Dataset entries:
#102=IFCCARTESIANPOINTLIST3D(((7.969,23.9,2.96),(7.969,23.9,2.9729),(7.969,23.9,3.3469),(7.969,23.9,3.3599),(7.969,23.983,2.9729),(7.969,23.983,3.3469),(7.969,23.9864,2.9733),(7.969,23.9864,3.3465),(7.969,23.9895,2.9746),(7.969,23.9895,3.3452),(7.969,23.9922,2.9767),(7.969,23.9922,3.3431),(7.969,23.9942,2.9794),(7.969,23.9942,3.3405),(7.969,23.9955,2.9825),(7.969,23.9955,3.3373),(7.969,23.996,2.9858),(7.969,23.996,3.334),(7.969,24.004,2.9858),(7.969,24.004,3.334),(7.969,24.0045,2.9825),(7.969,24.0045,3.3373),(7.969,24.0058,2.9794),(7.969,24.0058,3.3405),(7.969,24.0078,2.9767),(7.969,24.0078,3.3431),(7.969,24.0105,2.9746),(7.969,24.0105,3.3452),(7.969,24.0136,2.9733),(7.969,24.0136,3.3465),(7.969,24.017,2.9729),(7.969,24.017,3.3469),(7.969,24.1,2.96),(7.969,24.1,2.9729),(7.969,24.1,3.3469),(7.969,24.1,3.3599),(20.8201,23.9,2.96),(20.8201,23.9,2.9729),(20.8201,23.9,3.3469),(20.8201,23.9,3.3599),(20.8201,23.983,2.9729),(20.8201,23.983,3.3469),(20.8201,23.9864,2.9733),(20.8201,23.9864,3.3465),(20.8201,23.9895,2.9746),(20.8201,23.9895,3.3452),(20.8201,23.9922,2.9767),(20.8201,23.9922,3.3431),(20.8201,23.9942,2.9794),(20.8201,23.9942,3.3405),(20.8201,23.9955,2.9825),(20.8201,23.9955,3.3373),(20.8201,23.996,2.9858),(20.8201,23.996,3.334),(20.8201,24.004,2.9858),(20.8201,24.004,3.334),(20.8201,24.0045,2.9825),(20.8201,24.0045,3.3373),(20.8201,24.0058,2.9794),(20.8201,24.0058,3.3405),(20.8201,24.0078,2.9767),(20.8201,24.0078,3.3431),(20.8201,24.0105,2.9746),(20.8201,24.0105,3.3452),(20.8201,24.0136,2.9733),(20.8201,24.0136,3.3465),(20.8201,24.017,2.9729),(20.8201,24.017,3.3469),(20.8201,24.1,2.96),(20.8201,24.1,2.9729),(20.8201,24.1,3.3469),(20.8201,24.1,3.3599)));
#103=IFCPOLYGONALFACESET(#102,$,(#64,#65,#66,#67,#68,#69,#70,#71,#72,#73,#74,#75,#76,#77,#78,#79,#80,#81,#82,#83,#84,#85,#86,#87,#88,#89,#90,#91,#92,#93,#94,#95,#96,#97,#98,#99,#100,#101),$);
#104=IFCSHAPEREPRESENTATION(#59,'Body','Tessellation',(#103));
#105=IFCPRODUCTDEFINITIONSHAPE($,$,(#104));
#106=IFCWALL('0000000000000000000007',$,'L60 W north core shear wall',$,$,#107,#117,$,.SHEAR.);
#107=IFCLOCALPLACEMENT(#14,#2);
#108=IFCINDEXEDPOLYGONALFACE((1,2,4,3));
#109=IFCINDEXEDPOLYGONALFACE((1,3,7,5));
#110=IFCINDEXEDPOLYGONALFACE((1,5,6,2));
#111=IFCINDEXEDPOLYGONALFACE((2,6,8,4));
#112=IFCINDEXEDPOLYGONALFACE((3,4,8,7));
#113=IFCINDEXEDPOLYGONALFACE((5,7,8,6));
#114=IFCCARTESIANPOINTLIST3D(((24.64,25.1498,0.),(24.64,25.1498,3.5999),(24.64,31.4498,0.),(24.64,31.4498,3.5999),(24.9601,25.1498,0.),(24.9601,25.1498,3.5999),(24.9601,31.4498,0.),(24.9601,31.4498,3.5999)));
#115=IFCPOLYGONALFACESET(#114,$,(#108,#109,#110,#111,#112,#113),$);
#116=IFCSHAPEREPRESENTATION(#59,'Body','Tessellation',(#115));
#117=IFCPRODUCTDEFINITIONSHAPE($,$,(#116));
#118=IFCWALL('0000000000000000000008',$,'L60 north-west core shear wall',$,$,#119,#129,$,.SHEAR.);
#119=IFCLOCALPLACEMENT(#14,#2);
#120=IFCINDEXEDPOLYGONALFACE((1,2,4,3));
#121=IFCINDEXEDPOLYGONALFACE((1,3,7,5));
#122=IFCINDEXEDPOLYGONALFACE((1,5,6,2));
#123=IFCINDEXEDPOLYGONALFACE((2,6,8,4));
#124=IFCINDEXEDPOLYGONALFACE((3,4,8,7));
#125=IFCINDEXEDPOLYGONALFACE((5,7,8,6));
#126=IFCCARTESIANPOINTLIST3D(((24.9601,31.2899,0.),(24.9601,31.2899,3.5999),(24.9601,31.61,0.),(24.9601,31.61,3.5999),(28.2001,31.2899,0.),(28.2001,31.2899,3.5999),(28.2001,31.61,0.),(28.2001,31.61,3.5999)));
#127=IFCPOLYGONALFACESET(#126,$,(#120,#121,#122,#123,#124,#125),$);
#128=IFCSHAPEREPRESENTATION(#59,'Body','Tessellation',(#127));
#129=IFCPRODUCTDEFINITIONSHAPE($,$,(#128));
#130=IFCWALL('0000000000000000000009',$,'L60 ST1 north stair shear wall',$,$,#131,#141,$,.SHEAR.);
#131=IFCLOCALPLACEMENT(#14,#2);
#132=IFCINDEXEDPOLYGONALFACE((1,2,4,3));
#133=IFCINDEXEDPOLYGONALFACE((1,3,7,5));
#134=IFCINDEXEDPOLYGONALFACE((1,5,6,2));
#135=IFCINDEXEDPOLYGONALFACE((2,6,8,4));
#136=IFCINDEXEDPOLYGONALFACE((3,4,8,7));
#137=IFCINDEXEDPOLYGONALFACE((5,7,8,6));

**What is being asked**
Retype every record above exactly as written.

**Answer space**
#102=IFCCARTESIANPOINTLIST3D(((7.969,23.9,2.96),(7.969,23.9,2.9729),(7.969,23.9,3.3469),(7.969,23.9,3.3599),(7.969,23.983,2.9729),(7.969,23.983,3.3469),(7.969,23.9864,2.9733),(7.969,23.9864,3.3465),(7.969,23.9895,2.9746),(7.969,23.9895,3.3452),(7.969,23.9922,2.9767),(7.969,23.9922,3.3431),(7.969,23.9942,2.9794),(7.969,23.9942,3.3405),(7.969,23.9955,2.9825),(7.969,23.9955,3.3373),(7.969,23.996,2.9858),(7.969,23.996,3.334),(7.969,24.004,2.9858),(7.969,24.004,3.334),(7.969,24.0045,2.9825),(7.969,24.0045,3.3373),(7.969,24.0058,2.9794),(7.969,24.0058,3.3405),(7.969,24.0078,2.9767),(7.969,24.0078,3.3431),(7.969,24.0105,2.9746),(7.969,24.0105,3.3452),(7.969,24.0136,2.9733),(7.969,24.0136,3.3465),(7.969,24.017,2.9729),(7.969,24.017,3.3469),(7.969,24.1,2.96),(7.969,24.1,2.9729),(7.969,24.1,3.3469),(7.969,24.1,3.3599),(20.8201,23.9,2.96),(20.8201,23.9,2.9729),(20.8201,23.9,3.3469),(20.8201,23.9,3.3599),(20.8201,23.983,2.9729),(20.8201,23.983,3.3469),(20.8201,23.9864,2.9733),(20.8201,23.9864,3.3465),(20.8201,23.9895,2.9746),(20.8201,23.9895,3.3452),(20.8201,23.9922,2.9767),(20.8201,23.9922,3.3431),(20.8201,23.9942,2.9794),(20.8201,23.9942,3.3405),(20.8201,23.9955,2.9825),(20.8201,23.9955,3.3373),(20.8201,23.996,2.9858),(20.8201,23.996,3.334),(20.8201,24.004,2.9858),(20.8201,24.004,3.334),(20.8201,24.0045,2.9825),(20.8201,24.0045,3.3373),(20.8201,24.0058,2.9794),(20.8201,24.0058,3.3405),(20.8201,24.0078,2.9767),(20.8201,24.0078,3.3431),(20.8201,24.0105,2.9746),(20.8201,24.0105,3.3452),(20.8201,24.0136,2.9733),(20.8201,24.0136,3.3465),(20.8201,24.017,2.9729),(20.8201,24.017,3.3469),(20.8201,24.1,2.96),(20.8201,24.1,2.9729),(20.8201,24.1,3.3469),(20.8201,24.1,3.3599)));
#103=IFCPOLYGONALFACESET(#102,$,(#64,#65,#66,#67,#68,#69,#70,#71,#72,#73,#74,#75,#76,#77,#78,#79,#80,#81,#82,#83,#84,#85,#86,#87,#88,#89,#90,#91,#92,#93,#94,#95,#96,#97,#98,#99,#100,#101),$);
#104=IFCSHAPEREPRESENTATION(#59,'Body','Tessellation',(#103));
#105=IFCPRODUCTDEFINITIONSHAPE($,$,(#104));
#106=IFCWALL('0000000000000000000007',$,'L60 W north core shear wall',$,$,#107,#117,$,.SHEAR.);
#107=IFCLOCALPLACEMENT(#14,#2);
#108=IFCINDEXEDPOLYGONALFACE((1,2,4,3));
#109=IFCINDEXEDPOLYGONALFACE((1,3,7,5));
#110=IFCINDEXEDPOLYGONALFACE((1,5,6,2));
#111=IFCINDEXEDPOLYGONALFACE((2,6,8,4));
#112=IFCINDEXEDPOLYGONALFACE((3,4,8,7));
#113=IFCINDEXEDPOLYGONALFACE((5,7,8,6));
#114=IFCCARTESIANPOINTLIST3D(((24.64,25.1498,0.),(24.64,25.1498,3.5999),(24.64,31.4498,0.),(24.64,31.4498,3.5999),(24.9601,25.1498,0.),(24.9601,25.1498,3.5999),(24.9601,31.4498,0.),(24.9601,31.4498,3.5999)));
#115=IFCPOLYGONALFACESET(#114,$,(#108,#109,#110,#111,#112,#113),$);
#116=IFCSHAPEREPRESENTATION(#59,'Body','Tessellation',(#115));
#117=IFCPRODUCTDEFINITIONSHAPE($,$,(#116));
#118=IFCWALL('0000000000000000000008',$,'L60 north-west core shear wall',$,$,#119,#129,$,.SHEAR.);
#119=IFCLOCALPLACEMENT(#14,#2);
#120=IFCINDEXEDPOLYGONALFACE((1,2,4,3));
#121=IFCINDEXEDPOLYGONALFACE((1,3,7,5));
#122=IFCINDEXEDPOLYGONALFACE((1,5,6,2));
#123=IFCINDEXEDPOLYGONALFACE((2,6,8,4));
#124=IFCINDEXEDPOLYGONALFACE((3,4,8,7));
#125=IFCINDEXEDPOLYGONALFACE((5,7,8,6));
#126=IFCCARTESIANPOINTLIST3D(((24.9601,31.2899,0.),(24.9601,31.2899,3.5999),(24.9601,31.61,0.),(24.9601,31.61,3.5999),(28.2001,31.2899,0.),(28.2001,31.2899,3.5999),(28.2001,31.61,0.),(28.2001,31.61,3.5999)));
#127=IFCPOLYGONALFACESET(#126,$,(#120,#121,#122,#123,#124,#125),$);
#128=IFCSHAPEREPRESENTATION(#59,'Body','Tessellation',(#127));
#129=IFCPRODUCTDEFINITIONSHAPE($,$,(#128));
#130=IFCWALL('0000000000000000000009',$,'L60 ST1 north stair shear wall',$,$,#131,#141,$,.SHEAR.);
#131=IFCLOCALPLACEMENT(#14,#2);
#132=IFCINDEXEDPOLYGONALFACE((1,2,4,3));
#133=IFCINDEXEDPOLYGONALFACE((1,3,7,5));
#134=IFCINDEXEDPOLYGONALFACE((1,5,6,2));
#135=IFCINDEXEDPOLYGONALFACE((2,6,8,4));
#136=IFCINDEXEDPOLYGONALFACE((3,4,8,7));
#137=IFCINDEXEDPOLYGONALFACE((5,7,8,6));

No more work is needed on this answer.